Problem
Return, exactly and in full, the lines of the records below starting at the one with "#23=IFCINDEXEDPOLYGONALFACE((1,5,6,2));" and ending at the one with "#26=IFCINDEXEDPOLYGONALFACE((5,7,8,6));", and no other lines.

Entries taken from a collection
::::::::
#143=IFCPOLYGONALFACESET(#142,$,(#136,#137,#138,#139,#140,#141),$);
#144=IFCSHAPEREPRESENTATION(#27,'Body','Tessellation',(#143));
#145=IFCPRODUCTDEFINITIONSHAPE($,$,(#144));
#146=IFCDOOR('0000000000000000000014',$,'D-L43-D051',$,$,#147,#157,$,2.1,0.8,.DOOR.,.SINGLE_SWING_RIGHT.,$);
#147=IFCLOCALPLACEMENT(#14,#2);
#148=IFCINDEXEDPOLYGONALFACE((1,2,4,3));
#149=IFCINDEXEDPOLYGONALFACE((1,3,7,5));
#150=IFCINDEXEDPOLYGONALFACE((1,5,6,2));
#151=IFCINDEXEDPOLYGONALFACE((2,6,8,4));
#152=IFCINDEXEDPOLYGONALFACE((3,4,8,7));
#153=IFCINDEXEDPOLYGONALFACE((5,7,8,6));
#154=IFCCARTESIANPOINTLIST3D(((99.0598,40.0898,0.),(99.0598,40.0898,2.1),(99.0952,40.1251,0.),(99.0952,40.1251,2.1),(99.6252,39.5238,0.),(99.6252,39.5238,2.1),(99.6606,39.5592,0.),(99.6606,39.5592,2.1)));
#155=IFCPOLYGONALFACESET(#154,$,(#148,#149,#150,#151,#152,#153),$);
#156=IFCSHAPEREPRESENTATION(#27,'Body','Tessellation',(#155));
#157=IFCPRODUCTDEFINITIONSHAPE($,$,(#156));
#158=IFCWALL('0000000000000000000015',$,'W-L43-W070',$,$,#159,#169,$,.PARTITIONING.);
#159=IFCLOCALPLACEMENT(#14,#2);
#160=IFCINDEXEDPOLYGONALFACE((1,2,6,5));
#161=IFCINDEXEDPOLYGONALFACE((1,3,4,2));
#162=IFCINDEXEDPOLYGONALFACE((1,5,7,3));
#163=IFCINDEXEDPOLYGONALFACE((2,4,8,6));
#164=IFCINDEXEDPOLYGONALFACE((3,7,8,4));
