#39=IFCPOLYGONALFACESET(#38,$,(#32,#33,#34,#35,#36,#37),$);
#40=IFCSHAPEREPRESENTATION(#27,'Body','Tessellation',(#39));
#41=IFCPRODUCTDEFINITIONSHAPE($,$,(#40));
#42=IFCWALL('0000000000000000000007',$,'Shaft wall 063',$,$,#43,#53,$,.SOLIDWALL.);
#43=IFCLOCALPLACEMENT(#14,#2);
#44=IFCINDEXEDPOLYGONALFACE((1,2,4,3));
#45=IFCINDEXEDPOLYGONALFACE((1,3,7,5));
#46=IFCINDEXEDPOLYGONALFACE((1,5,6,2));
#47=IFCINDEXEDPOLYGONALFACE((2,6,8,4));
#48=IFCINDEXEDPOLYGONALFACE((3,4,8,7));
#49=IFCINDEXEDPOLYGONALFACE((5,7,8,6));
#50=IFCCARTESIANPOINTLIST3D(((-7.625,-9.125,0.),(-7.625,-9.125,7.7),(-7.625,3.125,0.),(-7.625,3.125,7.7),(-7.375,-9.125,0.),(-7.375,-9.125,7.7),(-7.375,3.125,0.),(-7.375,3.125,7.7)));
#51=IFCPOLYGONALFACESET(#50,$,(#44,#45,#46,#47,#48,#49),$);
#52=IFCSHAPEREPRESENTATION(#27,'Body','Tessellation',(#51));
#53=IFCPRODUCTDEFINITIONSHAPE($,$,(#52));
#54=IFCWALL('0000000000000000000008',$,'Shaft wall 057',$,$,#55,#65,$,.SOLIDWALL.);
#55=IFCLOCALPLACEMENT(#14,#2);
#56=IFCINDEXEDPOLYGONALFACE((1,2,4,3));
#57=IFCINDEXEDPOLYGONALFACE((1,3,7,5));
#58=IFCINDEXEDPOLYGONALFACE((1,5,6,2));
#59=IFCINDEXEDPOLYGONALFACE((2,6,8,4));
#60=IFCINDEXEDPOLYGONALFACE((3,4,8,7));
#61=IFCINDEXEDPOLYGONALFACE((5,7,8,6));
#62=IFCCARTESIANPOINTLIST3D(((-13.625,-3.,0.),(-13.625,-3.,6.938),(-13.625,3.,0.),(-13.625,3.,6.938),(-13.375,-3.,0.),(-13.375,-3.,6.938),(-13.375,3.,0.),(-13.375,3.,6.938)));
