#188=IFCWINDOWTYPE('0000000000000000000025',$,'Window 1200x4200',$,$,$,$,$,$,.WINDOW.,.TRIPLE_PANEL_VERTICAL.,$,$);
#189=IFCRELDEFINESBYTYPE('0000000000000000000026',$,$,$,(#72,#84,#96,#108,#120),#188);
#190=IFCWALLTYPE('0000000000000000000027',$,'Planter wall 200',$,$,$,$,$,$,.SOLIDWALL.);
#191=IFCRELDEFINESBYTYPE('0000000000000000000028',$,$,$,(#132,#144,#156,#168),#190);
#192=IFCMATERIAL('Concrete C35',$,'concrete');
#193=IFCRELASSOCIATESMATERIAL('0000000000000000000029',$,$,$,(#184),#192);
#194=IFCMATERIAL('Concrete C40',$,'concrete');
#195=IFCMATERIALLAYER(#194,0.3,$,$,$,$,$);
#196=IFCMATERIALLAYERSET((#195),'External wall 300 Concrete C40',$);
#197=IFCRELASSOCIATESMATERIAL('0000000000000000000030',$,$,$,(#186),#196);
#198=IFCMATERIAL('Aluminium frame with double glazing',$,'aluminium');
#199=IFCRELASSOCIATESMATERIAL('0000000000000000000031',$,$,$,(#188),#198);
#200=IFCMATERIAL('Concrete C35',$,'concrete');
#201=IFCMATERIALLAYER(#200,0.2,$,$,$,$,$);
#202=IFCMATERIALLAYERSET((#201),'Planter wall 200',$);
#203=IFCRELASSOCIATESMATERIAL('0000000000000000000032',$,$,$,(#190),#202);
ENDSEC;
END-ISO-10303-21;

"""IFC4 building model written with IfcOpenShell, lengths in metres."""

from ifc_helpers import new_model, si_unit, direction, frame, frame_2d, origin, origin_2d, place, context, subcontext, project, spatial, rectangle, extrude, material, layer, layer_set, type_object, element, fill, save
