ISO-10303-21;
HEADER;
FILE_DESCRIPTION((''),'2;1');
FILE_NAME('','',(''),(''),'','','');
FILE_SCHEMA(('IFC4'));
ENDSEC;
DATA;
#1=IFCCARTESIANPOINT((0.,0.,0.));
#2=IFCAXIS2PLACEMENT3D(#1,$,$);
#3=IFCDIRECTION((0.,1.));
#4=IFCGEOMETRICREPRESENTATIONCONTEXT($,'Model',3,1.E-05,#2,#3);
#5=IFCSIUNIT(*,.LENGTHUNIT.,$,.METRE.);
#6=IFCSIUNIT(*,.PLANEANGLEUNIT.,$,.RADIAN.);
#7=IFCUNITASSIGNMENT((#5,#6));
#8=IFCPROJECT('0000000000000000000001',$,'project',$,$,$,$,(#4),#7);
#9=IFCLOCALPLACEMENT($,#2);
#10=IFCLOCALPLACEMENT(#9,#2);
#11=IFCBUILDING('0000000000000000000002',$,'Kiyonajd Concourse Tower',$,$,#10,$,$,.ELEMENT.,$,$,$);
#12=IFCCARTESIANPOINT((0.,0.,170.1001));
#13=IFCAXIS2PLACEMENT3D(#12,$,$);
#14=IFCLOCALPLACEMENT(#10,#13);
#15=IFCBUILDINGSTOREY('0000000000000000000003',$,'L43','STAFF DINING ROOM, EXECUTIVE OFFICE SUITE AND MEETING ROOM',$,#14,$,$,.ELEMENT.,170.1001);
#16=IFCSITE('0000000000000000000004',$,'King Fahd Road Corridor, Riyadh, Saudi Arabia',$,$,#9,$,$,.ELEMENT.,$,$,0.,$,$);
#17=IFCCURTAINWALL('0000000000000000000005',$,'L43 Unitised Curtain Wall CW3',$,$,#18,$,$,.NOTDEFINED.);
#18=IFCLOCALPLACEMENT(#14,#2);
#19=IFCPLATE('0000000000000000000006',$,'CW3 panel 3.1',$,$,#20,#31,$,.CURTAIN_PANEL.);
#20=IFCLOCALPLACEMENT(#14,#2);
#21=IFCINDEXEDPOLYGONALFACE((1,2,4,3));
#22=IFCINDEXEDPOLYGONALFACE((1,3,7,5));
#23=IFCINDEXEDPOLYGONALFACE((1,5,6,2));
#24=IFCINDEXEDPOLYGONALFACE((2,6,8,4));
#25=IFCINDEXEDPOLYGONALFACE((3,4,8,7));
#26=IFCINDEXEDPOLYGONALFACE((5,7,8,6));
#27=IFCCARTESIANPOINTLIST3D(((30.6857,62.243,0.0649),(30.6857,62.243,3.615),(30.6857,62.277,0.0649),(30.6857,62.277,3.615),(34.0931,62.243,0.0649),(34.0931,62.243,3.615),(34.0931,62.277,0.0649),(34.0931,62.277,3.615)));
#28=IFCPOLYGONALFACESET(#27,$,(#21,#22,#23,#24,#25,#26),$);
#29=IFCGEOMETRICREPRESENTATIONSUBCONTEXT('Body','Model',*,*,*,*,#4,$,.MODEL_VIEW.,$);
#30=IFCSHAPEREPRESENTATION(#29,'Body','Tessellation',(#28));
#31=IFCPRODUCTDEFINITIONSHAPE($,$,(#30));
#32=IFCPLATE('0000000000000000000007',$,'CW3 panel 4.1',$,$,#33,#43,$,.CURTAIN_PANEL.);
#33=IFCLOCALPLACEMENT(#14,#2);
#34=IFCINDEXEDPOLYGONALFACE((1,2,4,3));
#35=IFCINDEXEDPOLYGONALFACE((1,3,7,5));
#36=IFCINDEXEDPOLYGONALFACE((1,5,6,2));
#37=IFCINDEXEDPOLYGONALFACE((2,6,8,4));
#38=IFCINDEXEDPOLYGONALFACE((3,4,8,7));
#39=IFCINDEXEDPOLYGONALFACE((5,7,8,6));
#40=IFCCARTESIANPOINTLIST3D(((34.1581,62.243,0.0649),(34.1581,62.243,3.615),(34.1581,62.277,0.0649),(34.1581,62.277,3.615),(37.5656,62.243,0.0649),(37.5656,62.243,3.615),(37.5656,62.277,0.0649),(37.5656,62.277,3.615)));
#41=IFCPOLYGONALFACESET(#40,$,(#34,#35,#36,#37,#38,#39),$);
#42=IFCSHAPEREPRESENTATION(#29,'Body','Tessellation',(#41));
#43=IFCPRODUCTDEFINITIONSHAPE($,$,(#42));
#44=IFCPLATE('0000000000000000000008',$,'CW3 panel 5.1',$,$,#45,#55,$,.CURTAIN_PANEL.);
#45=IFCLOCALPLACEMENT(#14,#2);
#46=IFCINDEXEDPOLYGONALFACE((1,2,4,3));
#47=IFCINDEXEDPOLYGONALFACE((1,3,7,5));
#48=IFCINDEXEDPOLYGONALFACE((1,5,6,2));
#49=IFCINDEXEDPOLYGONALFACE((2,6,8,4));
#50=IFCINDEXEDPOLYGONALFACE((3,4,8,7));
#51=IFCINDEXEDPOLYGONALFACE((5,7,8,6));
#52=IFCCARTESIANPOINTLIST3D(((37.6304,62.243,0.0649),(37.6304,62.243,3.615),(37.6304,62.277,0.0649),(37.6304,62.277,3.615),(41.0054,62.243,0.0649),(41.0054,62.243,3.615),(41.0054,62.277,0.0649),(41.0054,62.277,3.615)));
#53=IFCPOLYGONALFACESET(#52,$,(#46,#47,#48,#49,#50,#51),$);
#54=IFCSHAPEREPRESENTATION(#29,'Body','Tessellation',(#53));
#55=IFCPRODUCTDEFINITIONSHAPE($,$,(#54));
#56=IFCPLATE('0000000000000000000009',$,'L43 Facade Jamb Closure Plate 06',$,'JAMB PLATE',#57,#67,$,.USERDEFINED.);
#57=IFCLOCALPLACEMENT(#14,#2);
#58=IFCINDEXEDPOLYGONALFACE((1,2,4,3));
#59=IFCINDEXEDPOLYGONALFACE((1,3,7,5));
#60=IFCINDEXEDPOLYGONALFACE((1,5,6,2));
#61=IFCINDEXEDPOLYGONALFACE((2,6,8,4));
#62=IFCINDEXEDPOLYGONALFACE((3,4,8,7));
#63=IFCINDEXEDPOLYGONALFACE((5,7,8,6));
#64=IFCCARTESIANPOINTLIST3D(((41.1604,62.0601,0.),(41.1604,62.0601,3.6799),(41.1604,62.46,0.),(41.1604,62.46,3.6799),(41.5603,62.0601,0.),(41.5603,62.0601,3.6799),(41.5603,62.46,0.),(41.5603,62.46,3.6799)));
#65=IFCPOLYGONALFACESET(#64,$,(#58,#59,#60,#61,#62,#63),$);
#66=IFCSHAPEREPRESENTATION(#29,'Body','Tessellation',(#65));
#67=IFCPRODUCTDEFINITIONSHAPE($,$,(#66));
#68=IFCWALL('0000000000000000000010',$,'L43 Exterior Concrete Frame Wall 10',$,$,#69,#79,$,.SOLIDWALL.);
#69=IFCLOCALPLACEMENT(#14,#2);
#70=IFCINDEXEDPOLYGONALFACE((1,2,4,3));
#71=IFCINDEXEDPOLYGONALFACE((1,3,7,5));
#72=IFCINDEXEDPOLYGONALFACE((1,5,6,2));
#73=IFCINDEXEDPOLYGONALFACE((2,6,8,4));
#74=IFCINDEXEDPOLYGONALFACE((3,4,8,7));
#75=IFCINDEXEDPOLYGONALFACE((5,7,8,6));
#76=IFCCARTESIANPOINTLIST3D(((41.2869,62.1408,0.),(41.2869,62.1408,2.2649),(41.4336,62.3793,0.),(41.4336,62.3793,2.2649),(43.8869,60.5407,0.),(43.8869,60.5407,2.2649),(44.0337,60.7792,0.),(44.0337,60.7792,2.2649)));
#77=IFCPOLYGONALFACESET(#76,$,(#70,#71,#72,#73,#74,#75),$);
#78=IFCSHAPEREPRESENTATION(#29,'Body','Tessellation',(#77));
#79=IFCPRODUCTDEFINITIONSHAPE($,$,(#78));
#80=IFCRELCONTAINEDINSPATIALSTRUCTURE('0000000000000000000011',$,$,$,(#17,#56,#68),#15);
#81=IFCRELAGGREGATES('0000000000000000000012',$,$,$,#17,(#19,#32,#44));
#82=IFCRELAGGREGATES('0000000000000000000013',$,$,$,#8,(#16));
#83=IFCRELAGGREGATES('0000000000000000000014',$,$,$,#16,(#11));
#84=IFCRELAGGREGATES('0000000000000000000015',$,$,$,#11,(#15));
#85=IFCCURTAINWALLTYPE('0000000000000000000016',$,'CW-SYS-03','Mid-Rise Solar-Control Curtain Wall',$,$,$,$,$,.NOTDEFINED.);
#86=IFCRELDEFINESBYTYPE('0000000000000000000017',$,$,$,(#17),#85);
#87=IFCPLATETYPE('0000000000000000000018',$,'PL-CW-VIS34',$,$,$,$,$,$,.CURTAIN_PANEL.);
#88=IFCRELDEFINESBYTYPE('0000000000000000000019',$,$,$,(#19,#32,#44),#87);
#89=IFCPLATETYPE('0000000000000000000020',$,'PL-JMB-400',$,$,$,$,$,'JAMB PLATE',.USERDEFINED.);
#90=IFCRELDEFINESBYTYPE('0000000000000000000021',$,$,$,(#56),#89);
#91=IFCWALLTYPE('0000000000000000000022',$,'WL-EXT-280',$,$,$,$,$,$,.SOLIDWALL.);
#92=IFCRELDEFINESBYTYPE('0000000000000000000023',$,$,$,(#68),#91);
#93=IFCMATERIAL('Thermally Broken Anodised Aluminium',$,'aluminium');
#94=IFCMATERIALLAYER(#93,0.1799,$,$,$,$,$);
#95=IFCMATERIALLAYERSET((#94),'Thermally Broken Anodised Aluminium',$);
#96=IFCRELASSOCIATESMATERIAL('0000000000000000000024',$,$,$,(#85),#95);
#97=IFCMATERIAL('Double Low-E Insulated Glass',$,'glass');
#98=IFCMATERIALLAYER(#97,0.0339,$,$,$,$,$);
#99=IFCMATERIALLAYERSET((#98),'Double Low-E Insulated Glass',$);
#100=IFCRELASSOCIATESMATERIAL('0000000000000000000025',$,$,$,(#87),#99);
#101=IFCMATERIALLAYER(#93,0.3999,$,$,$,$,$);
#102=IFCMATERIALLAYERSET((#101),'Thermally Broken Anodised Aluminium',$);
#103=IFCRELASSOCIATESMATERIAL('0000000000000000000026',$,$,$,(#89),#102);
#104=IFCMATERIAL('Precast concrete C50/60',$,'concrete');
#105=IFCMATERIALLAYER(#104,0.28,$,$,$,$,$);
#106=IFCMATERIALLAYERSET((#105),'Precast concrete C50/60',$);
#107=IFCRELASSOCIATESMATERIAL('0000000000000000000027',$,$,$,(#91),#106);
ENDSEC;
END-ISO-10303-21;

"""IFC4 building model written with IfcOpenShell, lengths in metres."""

from ifc_helpers import new_model, si_unit, direction, frame, frame_2d, origin, origin_2d, place, context, subcontext, project, spatial, rectangle, extrude, material, layer, layer_set, type_object, element, aggregate, save


model = new_model("IFC4")

# Units and contexts
model_context = context("Model", 3, precision=1e-05, world=origin(), true_north=direction((0.0, 1.0)))
body_context = subcontext(model_context, "Body", "Model", "MODEL_VIEW")
ifc_project = project(units=[si_unit("LENGTHUNIT", "METRE"), si_unit("PLANEANGLEUNIT", "RADIAN")], contexts=[model_context])

# Site, building, storey
site_placement = place(None, origin())
site = spatial("IfcSite", under=ifc_project, at=site_placement, Name="King Fahd Road Corridor, Riyadh, Saudi Arabia", CompositionType="ELEMENT", RefElevation=0.0)
building_placement = place(site_placement, origin())
building = spatial("IfcBuilding", under=site, at=building_placement, Name="Kiyonajd Concourse Tower", CompositionType="ELEMENT")
storey_placement = place(building_placement, frame((0.0, 0.0, 170.1001)))
storey = spatial("IfcBuildingStorey", under=building, at=storey_placement, Name="L43", Description="STAFF DINING ROOM, EXECUTIVE OFFICE SUITE AND MEETING ROOM", CompositionType="ELEMENT", Elevation=170.1001)

# Curtain wall
ifc_material_1 = material(Name="Thermally Broken Anodised Aluminium", Category="aluminium")
ifc_layer_1 = layer(ifc_material_1, 0.1799)
ifc_layer_set_1 = layer_set([ifc_layer_1], Name="Thermally Broken Anodised Aluminium")
curtain_wall_type = type_object("IfcCurtainWallType", Name="CW-SYS-03", Description="Mid-Rise Solar-Control Curtain Wall", PredefinedType="NOTDEFINED", material=ifc_layer_set_1)
curtain_wall_placement = place(storey_placement, origin())
curtain_wall = element("IfcCurtainWall", 1, at=curtain_wall_placement, inside=storey, type_object=curtain_wall_type, Name="L43 Unitised Curtain Wall CW3", PredefinedType="NOTDEFINED")

# Plates
ifc_material_2 = material(Name="Double Low-E Insulated Glass", Category="glass")
ifc_layer_2 = layer(ifc_material_2, 0.0339)
ifc_layer_set_2 = layer_set([ifc_layer_2], Name="Double Low-E Insulated Glass")
plate_type_1 = type_object("IfcPlateType", Name="PL-CW-VIS34", PredefinedType="CURTAIN_PANEL", material=ifc_layer_set_2)
plate_1_placement = place(storey_placement, frame((32.3894, 62.26, 0.0649), z_axis=(0.0, 0.0, 1.0), x_axis=(1.0, 0.0, 0.0)))
plate_1 = element("IfcPlate", 2, at=plate_1_placement, type_object=plate_type_1, Name="CW3 panel 3.1", PredefinedType="CURTAIN_PANEL", context=body_context, shape_type="SweptSolid", body=[
    extrude(rectangle(XDim=3.4075, YDim=0.0339, at=origin_2d()), origin(), (0.0, 0.0, 1.0), 3.55),
])
plate_2_placement = place(storey_placement, frame((35.8618, 62.26, 0.0649), z_axis=(0.0, 0.0, 1.0), x_axis=(1.0, 0.0, 0.0)))
plate_2 = element("IfcPlate", 3, at=plate_2_placement, type_object=plate_type_1, Name="CW3 panel 4.1", PredefinedType="CURTAIN_PANEL", context=body_context, shape_type="SweptSolid", body=[
    extrude(rectangle(XDim=3.4075, YDim=0.0339, at=origin_2d()), origin(), (0.0, 0.0, 1.0), 3.55),
])
plate_3_placement = place(storey_placement, frame((39.3179, 62.26, 0.0649), z_axis=(0.0, 0.0, 1.0), x_axis=(1.0, 0.0, 0.0)))
plate_3 = element("IfcPlate", 4, at=plate_3_placement, type_object=plate_type_1, Name="CW3 panel 5.1", PredefinedType="CURTAIN_PANEL", context=body_context, shape_type="SweptSolid", body=[
    extrude(rectangle(XDim=3.375, YDim=0.0339, at=origin_2d()), origin(), (0.0, 0.0, 1.0), 3.55),
])
aggregate(curtain_wall, [plate_1, plate_2, plate_3])
ifc_layer_3 = layer(ifc_material_1, 0.3999)
ifc_layer_set_3 = layer_set([ifc_layer_3], Name="Thermally Broken Anodised Aluminium")
plate_type_2 = type_object("IfcPlateType", Name="PL-JMB-400", ElementType="JAMB PLATE", PredefinedType="USERDEFINED", material=ifc_layer_set_3)
plate_4_placement = place(storey_placement, frame((41.3604, 62.26, 0.0), z_axis=(0.0, 0.0, 1.0), x_axis=(1.0, 0.0, 0.0)))
element("IfcPlate", 5, at=plate_4_placement, inside=storey, type_object=plate_type_2, Name="L43 Facade Jamb Closure Plate 06", ObjectType="JAMB PLATE", PredefinedType="USERDEFINED", context=body_context, shape_type="SweptSolid", body=[
    extrude(rectangle(XDim=0.3999, YDim=0.3999, at=origin_2d()), origin(), (0.0, 0.0, 1.0), 3.6799),
])

# Wall
ifc_material_3 = material(Name="Precast concrete C50/60", Category="concrete")
ifc_layer_4 = layer(ifc_material_3, 0.28)
ifc_layer_set_4 = layer_set([ifc_layer_4], Name="Precast concrete C50/60")
wall_type = type_object("IfcWallType", Name="WL-EXT-280", PredefinedType="SOLIDWALL", material=ifc_layer_set_4)
wall_placement = place(storey_placement, frame((41.3604, 62.26, 0.0), z_axis=(0.0, 0.0, 1.0), x_axis=(0.851653, -0.524106, 0.0)))
element("IfcWall", 6, at=wall_placement, inside=storey, type_object=wall_type, Name="L43 Exterior Concrete Frame Wall 10", PredefinedType="SOLIDWALL", context=body_context, shape_type="SweptSolid", body=[
    extrude(rectangle(XDim=3.053, YDim=0.28, at=frame_2d((1.5264, 0.0))), origin(), (0.0, 0.0, 1.0), 2.2649),
])

save(model, "model.ifc")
::::::::
Output below
#23=IFCINDEXEDPOLYGONALFACE((1,5,6,2));
#24=IFCINDEXEDPOLYGONALFACE((2,6,8,4));
#25=IFCINDEXEDPOLYGONALFACE((3,4,8,7));
#26=IFCINDEXEDPOLYGONALFACE((5,7,8,6));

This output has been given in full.